• [TASK BRIEF]
Where the word "Zone" occurs in a line of the listing, please copy the line.

• [DATA PROVIDED]

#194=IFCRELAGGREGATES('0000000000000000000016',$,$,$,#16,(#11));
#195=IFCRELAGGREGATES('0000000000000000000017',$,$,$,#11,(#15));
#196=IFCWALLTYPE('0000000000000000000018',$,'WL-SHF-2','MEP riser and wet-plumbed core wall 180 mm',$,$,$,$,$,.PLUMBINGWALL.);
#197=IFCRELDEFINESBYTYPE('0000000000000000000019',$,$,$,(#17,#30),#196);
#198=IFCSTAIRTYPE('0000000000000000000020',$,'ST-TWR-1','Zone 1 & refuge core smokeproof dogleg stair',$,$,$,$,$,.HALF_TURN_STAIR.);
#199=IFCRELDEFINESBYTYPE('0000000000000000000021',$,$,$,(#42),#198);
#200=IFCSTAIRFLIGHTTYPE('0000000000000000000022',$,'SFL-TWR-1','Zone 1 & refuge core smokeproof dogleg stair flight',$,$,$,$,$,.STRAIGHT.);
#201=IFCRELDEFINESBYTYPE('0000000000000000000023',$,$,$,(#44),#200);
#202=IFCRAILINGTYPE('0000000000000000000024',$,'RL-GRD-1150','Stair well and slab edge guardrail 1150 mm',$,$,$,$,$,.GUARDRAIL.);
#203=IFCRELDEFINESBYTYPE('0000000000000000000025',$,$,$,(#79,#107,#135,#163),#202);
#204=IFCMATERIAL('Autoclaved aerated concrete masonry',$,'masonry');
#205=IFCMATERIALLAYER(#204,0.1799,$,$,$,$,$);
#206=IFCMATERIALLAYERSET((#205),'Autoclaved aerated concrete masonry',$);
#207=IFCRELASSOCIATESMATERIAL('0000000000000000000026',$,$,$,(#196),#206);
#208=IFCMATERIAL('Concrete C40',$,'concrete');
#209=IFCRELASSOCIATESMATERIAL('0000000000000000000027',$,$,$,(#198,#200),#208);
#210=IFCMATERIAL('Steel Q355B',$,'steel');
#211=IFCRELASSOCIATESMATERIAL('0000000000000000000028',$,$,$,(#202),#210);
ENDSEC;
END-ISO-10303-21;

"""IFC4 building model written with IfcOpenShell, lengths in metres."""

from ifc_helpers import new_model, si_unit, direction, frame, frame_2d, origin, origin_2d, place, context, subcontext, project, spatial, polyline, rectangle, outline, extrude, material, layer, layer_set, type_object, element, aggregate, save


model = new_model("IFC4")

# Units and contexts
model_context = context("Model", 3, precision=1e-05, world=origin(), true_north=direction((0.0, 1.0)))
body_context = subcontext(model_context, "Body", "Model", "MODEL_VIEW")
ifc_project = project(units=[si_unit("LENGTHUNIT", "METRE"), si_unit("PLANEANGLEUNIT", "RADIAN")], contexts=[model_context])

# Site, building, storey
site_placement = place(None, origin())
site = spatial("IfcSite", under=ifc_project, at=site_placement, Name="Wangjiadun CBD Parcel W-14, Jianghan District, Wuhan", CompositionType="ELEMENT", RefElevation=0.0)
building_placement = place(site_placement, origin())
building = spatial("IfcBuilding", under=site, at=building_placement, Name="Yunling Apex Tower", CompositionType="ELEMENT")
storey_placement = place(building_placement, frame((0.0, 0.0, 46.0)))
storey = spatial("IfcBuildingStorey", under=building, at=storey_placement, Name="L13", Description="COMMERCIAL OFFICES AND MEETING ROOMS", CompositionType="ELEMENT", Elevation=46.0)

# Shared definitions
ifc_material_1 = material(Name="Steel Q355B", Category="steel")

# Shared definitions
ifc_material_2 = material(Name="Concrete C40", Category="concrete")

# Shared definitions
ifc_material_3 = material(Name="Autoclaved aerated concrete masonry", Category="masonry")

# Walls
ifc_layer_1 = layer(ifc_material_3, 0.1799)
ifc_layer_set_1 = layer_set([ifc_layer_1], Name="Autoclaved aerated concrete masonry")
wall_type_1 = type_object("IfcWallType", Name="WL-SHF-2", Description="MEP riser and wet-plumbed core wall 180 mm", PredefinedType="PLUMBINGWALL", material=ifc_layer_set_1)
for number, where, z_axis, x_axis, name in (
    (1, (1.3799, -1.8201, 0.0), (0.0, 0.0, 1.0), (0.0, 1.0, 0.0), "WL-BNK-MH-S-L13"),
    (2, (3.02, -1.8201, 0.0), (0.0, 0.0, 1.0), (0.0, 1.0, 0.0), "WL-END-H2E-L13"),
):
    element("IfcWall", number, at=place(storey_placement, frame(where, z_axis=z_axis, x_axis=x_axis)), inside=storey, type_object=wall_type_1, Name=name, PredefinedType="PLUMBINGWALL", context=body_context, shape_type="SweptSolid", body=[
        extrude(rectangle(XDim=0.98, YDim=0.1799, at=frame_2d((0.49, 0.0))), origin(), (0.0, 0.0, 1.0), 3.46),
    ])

• [EXERCISE RESULT]
#198=IFCSTAIRTYPE('0000000000000000000020',$,'ST-TWR-1','Zone 1 & refuge core smokeproof dogleg stair',$,$,$,$,$,.HALF_TURN_STAIR.);
#200=IFCSTAIRFLIGHTTYPE('0000000000000000000022',$,'SFL-TWR-1','Zone 1 & refuge core smokeproof dogleg stair flight',$,$,$,$,$,.STRAIGHT.);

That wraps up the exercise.